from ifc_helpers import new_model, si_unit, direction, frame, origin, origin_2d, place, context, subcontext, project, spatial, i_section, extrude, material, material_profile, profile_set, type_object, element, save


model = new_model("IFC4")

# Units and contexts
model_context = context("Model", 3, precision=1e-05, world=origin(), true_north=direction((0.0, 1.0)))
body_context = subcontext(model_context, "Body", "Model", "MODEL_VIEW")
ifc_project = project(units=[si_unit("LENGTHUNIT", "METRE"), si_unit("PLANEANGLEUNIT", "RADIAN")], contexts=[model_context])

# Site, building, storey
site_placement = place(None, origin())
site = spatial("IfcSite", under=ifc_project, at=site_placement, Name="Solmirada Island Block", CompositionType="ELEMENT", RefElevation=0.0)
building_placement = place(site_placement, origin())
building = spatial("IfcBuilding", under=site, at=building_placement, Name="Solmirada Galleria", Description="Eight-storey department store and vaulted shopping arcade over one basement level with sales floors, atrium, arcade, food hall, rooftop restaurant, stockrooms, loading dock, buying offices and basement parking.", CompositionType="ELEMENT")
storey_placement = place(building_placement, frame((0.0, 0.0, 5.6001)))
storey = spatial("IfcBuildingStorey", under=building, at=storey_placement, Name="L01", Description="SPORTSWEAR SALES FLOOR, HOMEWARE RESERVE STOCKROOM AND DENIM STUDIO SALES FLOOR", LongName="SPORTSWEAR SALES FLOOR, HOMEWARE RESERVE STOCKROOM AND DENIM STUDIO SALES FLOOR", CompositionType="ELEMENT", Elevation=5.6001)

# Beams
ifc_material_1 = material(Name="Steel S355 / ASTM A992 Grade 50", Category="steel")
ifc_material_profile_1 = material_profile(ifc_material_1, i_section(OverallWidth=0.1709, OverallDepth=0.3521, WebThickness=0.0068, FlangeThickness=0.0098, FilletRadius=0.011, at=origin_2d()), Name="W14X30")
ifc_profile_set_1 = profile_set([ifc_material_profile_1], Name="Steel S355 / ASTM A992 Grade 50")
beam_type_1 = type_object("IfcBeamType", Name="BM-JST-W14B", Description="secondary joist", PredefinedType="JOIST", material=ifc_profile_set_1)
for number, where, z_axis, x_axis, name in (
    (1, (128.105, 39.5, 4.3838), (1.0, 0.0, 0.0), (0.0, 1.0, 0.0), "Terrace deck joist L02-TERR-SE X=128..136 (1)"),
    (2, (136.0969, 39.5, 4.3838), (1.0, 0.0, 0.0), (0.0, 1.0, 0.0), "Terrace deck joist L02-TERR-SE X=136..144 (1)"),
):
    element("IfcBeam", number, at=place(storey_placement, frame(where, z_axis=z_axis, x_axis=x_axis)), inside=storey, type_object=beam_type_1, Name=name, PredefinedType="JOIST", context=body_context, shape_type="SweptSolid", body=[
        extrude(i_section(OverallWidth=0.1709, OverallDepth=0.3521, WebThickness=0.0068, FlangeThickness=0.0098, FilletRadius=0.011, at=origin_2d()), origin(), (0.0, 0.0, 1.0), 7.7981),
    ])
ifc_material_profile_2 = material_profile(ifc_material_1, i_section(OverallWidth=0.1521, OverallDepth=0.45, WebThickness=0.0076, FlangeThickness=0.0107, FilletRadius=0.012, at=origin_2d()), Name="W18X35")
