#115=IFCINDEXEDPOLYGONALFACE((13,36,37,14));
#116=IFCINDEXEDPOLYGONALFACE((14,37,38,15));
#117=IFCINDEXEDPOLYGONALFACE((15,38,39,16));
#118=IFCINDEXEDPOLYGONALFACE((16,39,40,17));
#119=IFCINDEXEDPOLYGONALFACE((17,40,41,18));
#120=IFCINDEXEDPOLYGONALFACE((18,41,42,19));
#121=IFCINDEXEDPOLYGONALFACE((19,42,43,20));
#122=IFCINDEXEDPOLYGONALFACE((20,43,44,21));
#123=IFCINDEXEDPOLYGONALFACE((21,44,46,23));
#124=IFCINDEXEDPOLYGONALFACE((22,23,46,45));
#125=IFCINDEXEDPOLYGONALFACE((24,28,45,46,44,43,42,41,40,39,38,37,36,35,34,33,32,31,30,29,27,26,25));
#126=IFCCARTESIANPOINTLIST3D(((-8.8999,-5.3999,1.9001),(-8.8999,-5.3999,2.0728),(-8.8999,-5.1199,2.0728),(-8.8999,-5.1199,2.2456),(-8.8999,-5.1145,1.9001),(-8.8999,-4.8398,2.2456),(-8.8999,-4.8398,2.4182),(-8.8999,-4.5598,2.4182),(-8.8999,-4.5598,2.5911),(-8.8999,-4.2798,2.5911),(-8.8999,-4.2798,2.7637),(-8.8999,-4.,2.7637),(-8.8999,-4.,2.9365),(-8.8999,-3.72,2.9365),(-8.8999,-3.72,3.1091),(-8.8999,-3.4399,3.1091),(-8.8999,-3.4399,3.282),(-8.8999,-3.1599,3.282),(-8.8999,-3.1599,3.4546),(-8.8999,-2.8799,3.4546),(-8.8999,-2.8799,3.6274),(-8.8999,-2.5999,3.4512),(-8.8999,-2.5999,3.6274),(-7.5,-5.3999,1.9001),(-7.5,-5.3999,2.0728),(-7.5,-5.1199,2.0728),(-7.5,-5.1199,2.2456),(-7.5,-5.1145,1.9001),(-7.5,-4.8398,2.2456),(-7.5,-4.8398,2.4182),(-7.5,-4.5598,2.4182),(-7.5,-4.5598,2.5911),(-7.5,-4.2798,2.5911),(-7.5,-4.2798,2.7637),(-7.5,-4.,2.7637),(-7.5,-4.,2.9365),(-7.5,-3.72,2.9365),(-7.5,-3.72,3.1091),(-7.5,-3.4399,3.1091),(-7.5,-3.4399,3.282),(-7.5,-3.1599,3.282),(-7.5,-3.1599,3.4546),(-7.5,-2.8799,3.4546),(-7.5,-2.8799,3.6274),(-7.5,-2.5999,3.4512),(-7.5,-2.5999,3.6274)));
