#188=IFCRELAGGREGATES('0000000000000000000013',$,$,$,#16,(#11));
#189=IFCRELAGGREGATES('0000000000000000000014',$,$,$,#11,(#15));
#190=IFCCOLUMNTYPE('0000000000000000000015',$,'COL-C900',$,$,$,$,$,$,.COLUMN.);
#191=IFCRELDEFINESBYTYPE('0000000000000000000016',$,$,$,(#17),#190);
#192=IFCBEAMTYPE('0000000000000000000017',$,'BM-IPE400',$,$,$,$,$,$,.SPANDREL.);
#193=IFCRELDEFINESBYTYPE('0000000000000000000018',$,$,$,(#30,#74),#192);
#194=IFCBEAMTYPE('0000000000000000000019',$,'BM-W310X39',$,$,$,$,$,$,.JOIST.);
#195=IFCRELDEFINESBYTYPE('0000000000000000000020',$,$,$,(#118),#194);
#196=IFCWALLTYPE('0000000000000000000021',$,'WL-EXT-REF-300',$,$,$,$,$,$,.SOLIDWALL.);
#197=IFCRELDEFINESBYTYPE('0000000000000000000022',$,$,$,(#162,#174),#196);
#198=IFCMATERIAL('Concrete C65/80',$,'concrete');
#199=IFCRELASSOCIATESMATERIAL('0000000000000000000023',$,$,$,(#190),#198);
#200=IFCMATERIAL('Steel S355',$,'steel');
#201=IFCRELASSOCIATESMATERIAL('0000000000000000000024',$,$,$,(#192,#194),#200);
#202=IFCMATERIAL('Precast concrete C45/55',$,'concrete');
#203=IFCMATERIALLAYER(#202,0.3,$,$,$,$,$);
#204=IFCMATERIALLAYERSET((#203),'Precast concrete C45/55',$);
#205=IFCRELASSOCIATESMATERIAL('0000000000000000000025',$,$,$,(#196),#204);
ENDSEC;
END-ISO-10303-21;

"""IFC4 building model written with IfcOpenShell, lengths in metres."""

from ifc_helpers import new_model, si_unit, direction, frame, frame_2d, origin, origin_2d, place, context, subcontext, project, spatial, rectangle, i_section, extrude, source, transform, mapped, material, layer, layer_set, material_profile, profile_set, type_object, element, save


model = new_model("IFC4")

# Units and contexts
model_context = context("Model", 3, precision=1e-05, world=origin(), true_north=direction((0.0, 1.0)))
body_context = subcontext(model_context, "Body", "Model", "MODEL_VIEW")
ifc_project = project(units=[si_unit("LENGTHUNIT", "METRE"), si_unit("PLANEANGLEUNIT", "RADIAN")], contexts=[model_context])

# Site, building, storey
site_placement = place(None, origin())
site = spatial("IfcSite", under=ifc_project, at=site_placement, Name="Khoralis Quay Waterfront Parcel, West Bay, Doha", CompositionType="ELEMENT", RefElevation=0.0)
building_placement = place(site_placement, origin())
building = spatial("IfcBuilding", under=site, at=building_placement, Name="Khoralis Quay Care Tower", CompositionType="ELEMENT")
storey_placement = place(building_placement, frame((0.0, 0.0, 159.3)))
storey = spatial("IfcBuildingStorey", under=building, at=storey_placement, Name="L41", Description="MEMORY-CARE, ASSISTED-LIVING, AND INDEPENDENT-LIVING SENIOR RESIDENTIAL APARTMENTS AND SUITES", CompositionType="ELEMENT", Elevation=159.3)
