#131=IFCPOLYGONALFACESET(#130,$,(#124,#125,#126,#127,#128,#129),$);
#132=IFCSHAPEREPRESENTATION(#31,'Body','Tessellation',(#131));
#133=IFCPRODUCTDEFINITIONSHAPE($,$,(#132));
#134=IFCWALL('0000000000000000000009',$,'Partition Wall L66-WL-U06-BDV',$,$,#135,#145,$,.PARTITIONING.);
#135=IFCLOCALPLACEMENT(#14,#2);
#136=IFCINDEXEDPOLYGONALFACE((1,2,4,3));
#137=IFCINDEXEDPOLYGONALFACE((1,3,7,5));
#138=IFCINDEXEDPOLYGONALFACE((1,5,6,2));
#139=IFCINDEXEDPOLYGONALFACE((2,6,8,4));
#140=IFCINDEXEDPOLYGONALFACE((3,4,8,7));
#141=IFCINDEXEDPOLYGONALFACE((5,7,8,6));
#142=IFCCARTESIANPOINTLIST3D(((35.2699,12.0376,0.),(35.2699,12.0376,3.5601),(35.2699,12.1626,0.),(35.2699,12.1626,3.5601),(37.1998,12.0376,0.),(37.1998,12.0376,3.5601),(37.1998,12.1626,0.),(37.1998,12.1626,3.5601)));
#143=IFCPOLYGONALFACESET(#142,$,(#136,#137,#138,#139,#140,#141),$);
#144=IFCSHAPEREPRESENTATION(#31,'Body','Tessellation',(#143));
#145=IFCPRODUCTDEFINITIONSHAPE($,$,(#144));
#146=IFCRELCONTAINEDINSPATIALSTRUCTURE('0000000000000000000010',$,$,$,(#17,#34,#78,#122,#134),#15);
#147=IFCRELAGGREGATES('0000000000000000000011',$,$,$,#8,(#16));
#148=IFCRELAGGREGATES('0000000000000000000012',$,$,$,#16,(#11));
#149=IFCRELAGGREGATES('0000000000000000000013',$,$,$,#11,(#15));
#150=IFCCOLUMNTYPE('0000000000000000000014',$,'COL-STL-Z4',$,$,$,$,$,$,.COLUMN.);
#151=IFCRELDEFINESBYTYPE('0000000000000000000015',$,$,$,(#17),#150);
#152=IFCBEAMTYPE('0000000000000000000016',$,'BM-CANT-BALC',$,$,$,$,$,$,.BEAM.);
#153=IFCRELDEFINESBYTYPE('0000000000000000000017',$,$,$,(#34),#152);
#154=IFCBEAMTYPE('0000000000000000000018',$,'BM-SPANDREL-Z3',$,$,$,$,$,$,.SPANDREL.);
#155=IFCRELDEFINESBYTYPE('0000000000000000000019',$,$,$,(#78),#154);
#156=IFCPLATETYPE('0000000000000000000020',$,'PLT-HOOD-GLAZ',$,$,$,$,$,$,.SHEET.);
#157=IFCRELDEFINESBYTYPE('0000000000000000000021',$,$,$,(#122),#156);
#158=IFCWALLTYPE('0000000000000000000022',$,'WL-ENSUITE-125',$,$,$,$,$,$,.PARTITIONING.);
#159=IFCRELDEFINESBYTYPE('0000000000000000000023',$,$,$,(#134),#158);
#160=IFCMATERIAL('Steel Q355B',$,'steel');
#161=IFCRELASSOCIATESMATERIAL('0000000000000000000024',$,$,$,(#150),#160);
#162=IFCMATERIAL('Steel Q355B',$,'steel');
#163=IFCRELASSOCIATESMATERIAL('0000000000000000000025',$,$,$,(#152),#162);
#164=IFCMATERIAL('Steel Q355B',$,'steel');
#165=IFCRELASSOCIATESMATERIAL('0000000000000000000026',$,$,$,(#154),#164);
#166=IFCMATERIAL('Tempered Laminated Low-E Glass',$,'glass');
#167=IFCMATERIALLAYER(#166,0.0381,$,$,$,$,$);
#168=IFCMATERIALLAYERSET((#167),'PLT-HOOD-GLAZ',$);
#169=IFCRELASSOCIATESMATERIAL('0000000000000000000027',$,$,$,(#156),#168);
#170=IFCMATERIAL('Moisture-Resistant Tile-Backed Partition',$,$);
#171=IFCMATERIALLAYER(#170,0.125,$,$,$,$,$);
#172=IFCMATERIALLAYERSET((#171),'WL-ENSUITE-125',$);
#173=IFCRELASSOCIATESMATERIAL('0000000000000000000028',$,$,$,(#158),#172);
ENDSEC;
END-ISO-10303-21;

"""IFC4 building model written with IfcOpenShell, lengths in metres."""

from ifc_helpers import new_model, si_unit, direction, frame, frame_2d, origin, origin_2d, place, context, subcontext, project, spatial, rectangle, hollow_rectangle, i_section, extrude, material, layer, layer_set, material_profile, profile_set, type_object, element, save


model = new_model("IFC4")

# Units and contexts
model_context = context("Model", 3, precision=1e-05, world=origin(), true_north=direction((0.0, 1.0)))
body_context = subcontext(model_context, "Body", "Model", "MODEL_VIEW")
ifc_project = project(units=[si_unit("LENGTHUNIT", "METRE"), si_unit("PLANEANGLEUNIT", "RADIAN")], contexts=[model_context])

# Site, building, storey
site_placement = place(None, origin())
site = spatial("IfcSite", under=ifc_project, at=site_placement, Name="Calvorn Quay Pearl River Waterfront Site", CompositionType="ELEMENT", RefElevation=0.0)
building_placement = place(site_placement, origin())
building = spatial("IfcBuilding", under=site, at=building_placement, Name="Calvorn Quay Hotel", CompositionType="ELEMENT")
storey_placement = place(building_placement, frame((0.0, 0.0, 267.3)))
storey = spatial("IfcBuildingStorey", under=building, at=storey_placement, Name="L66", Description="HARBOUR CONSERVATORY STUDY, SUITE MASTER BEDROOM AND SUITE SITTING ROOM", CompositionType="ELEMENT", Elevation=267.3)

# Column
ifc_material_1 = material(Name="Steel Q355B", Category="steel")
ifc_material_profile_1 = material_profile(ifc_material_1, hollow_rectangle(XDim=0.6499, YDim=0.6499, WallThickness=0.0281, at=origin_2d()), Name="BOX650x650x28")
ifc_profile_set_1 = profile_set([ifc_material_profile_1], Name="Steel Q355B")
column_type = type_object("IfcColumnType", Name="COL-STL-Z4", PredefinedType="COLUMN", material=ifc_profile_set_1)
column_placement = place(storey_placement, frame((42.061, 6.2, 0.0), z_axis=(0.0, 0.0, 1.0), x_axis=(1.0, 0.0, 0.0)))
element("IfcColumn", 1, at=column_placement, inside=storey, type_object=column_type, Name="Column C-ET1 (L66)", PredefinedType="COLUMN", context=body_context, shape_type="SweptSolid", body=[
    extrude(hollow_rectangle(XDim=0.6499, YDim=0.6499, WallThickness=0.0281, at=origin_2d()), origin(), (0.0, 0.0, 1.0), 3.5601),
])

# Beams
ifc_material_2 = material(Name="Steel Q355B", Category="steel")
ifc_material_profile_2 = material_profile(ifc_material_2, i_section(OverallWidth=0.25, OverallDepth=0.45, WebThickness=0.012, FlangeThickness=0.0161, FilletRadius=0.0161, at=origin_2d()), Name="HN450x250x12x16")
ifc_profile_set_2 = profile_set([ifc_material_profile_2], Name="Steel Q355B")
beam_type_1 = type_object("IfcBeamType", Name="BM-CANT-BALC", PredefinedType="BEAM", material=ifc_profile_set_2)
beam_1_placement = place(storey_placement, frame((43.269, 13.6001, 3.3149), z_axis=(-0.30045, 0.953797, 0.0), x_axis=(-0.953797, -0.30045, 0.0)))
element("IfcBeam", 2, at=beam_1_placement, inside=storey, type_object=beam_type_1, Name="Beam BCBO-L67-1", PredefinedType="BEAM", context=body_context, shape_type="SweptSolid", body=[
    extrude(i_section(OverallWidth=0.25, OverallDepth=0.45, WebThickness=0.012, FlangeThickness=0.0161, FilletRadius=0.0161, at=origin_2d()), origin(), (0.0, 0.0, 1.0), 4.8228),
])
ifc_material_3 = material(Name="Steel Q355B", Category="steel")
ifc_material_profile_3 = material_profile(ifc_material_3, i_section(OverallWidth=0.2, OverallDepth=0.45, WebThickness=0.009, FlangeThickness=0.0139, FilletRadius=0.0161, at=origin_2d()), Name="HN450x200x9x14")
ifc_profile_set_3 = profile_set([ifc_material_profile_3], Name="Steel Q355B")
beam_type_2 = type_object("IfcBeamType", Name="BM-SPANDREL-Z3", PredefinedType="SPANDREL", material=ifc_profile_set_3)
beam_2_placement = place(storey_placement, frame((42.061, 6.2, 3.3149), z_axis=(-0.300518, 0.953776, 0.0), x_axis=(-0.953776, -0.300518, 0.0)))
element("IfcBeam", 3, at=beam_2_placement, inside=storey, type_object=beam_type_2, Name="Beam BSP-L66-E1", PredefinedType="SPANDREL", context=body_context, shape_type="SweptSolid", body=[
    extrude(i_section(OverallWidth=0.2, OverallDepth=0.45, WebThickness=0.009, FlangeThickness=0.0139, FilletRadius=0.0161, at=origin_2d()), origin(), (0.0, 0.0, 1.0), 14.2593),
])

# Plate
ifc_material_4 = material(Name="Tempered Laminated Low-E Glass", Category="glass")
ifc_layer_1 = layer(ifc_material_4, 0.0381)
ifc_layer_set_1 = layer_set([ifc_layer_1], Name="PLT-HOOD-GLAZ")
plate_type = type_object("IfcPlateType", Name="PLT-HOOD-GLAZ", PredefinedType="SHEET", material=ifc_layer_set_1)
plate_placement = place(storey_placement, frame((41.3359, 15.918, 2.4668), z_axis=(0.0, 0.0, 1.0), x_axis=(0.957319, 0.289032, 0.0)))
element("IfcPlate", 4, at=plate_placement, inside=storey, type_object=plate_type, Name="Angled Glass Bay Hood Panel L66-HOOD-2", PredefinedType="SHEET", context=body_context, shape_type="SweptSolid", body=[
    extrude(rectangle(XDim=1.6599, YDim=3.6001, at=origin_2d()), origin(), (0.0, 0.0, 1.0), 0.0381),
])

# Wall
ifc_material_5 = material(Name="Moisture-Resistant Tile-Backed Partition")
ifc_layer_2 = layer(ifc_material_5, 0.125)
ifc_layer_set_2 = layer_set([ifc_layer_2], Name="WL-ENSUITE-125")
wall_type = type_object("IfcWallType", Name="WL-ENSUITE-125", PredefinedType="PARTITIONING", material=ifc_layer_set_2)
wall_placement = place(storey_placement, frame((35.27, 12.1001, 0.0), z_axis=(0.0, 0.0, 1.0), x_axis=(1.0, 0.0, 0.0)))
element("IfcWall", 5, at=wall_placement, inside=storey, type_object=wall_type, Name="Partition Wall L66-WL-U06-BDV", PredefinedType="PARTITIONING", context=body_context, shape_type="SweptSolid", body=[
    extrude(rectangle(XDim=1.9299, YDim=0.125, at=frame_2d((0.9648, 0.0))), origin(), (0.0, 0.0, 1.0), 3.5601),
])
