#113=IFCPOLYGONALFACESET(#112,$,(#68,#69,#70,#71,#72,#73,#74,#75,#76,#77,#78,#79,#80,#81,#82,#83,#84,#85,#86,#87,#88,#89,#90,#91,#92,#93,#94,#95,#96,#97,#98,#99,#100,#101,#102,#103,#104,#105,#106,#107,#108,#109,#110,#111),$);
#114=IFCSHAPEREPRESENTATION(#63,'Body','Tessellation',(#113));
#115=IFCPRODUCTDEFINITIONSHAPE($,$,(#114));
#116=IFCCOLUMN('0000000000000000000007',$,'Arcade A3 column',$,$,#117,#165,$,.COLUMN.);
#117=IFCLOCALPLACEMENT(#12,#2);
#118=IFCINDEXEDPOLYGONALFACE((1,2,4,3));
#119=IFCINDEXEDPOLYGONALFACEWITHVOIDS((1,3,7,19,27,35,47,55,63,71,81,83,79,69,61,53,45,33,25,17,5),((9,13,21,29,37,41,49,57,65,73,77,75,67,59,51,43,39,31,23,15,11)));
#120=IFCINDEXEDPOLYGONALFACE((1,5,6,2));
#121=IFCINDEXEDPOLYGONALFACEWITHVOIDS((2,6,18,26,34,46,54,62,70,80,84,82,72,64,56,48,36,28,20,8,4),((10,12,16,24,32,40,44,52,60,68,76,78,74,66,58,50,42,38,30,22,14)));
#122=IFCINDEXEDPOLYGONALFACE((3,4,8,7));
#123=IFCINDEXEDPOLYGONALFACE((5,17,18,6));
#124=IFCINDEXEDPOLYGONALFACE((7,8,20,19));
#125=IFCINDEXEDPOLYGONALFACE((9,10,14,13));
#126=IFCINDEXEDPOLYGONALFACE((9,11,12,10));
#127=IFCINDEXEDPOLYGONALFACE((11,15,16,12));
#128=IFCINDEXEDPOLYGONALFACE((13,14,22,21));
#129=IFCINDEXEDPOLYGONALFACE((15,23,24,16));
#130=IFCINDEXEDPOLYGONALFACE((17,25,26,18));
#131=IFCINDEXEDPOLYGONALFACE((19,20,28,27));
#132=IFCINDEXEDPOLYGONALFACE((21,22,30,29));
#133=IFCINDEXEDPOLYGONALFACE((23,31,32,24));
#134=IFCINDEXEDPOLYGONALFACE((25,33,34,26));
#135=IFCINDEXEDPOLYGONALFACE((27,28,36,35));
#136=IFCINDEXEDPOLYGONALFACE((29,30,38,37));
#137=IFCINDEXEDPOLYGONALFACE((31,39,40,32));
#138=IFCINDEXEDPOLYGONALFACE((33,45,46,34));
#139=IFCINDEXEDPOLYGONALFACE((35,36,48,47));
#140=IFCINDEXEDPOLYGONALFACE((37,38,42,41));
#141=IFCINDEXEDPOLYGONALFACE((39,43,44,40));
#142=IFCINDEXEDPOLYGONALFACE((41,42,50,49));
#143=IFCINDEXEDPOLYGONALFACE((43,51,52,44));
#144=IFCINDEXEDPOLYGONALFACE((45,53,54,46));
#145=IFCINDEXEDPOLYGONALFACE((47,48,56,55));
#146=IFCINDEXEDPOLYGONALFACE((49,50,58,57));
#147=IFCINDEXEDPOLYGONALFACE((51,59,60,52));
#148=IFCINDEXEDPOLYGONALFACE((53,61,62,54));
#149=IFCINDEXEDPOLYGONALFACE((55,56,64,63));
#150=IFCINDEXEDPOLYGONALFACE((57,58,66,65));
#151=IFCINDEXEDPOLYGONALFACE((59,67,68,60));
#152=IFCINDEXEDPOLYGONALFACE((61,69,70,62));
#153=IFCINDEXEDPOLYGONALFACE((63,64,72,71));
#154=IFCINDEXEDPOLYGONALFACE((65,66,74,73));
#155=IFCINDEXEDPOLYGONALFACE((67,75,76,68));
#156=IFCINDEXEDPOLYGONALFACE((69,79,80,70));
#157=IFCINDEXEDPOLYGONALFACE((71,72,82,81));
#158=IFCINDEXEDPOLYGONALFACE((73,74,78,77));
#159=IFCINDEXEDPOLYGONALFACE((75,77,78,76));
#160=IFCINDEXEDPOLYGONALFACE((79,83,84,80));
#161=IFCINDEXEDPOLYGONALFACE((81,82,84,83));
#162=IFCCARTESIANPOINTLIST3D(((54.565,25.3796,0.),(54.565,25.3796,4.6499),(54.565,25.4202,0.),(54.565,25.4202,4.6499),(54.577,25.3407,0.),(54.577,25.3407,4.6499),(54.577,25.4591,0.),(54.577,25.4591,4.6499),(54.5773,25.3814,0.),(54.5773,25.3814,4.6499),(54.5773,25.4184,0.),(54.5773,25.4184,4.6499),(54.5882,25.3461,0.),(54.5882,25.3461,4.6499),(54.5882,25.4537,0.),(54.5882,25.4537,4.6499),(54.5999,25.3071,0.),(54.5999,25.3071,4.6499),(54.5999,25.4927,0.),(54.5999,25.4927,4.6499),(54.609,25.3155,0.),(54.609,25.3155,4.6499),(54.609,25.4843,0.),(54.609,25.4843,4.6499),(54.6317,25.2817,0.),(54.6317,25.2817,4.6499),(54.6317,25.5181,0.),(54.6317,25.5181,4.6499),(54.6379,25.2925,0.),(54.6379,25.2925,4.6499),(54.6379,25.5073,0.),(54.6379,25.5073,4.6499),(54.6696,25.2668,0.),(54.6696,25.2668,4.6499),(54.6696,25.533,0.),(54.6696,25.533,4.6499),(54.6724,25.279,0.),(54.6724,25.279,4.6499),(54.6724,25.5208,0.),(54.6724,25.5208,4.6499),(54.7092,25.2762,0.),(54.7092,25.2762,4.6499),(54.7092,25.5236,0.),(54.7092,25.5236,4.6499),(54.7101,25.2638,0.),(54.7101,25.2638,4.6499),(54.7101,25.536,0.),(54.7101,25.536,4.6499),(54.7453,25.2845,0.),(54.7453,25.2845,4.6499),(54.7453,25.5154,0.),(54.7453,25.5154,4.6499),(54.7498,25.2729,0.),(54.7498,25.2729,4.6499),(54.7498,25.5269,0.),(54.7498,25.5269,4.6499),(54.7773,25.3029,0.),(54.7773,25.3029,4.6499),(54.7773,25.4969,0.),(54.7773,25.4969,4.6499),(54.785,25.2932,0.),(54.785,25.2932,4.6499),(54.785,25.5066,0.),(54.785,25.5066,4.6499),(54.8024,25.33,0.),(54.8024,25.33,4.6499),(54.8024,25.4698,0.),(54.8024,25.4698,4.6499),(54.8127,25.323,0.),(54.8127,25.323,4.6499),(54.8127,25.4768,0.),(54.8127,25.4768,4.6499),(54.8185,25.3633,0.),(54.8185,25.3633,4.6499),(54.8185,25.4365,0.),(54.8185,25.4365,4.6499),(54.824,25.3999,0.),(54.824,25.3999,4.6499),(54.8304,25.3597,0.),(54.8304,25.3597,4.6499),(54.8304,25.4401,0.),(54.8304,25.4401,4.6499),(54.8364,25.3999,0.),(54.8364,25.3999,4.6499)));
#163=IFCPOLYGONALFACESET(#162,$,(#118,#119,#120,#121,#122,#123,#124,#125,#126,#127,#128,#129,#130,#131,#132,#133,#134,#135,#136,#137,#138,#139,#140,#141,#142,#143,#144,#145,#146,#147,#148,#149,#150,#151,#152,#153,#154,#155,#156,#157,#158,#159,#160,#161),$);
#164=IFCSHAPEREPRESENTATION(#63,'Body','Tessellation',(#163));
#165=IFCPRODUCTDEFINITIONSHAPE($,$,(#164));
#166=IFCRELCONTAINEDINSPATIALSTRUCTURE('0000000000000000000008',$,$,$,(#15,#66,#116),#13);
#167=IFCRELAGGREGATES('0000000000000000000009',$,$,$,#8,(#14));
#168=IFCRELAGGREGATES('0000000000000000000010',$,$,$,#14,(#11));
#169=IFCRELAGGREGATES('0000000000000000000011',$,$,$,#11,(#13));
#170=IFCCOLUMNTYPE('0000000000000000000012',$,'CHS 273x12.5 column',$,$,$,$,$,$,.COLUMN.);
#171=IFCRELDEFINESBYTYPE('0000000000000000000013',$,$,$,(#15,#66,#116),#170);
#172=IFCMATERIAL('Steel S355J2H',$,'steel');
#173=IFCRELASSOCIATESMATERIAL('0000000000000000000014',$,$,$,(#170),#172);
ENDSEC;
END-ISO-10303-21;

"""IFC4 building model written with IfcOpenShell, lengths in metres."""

....

**AIM OF THE TASK:**
Look through the entries above. Copy out every line holding the word "Precast".

**TASK ANSWER:**
#202=IFCMATERIAL('Precast concrete C45/55',$,'concrete');
#204=IFCMATERIALLAYERSET((#203),'Precast concrete C45/55',$);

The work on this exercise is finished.